(Task input begins)

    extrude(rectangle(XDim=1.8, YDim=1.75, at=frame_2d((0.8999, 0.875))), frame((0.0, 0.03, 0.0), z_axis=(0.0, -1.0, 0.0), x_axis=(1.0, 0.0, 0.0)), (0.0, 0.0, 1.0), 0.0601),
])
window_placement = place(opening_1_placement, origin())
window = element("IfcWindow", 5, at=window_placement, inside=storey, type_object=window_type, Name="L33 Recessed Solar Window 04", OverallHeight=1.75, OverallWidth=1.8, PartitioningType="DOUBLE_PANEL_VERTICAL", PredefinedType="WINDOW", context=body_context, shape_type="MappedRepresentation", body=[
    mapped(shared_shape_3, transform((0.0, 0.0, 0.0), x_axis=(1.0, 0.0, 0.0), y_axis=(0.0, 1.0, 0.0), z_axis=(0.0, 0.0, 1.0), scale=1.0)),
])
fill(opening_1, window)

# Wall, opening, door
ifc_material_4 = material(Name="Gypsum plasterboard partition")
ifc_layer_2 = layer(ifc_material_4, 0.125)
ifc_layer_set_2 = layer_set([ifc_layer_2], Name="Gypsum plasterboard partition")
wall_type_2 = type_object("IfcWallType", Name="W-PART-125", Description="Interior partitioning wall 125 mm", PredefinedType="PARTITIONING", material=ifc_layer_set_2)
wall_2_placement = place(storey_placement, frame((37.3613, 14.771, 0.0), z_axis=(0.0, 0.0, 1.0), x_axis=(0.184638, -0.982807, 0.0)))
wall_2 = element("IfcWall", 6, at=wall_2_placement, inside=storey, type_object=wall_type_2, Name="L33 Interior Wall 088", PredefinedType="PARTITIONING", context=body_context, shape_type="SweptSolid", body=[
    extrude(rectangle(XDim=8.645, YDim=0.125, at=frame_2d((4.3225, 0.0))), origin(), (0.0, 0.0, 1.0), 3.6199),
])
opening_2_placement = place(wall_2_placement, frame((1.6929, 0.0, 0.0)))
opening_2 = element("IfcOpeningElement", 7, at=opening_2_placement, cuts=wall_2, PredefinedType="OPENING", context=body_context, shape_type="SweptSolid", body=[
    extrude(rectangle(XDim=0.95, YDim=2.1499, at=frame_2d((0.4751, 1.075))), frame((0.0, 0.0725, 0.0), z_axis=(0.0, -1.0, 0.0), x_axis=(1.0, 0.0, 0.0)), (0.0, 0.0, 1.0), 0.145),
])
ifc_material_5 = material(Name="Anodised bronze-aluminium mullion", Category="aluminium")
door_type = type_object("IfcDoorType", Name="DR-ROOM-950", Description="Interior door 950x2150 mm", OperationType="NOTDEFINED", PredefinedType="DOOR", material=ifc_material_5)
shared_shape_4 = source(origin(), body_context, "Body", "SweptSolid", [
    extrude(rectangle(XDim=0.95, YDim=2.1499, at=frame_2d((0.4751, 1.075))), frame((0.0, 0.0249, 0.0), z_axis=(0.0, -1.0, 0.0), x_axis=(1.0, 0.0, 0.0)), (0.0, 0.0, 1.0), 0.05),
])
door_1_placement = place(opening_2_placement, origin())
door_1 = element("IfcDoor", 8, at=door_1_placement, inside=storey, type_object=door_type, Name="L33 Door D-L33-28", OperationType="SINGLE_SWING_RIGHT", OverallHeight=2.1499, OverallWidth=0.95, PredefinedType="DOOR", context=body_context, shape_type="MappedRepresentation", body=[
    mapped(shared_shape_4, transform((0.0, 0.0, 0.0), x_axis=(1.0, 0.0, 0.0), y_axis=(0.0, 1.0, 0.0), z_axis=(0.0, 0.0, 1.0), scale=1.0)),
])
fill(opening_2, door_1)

(Task input ends)

Work required: Exactly the lines above from the one with "partitioning wall 125" to the one with "x_axis=(0.184638, -0.982807, 0.0)))", both included, are to be quoted; leave the rest out.

Exercise solution:
wall_type_2 = type_object("IfcWallType", Name="W-PART-125", Description="Interior partitioning wall 125 mm", PredefinedType="PARTITIONING", material=ifc_layer_set_2)
wall_2_placement = place(storey_placement, frame((37.3613, 14.771, 0.0), z_axis=(0.0, 0.0, 1.0), x_axis=(0.184638, -0.982807, 0.0)))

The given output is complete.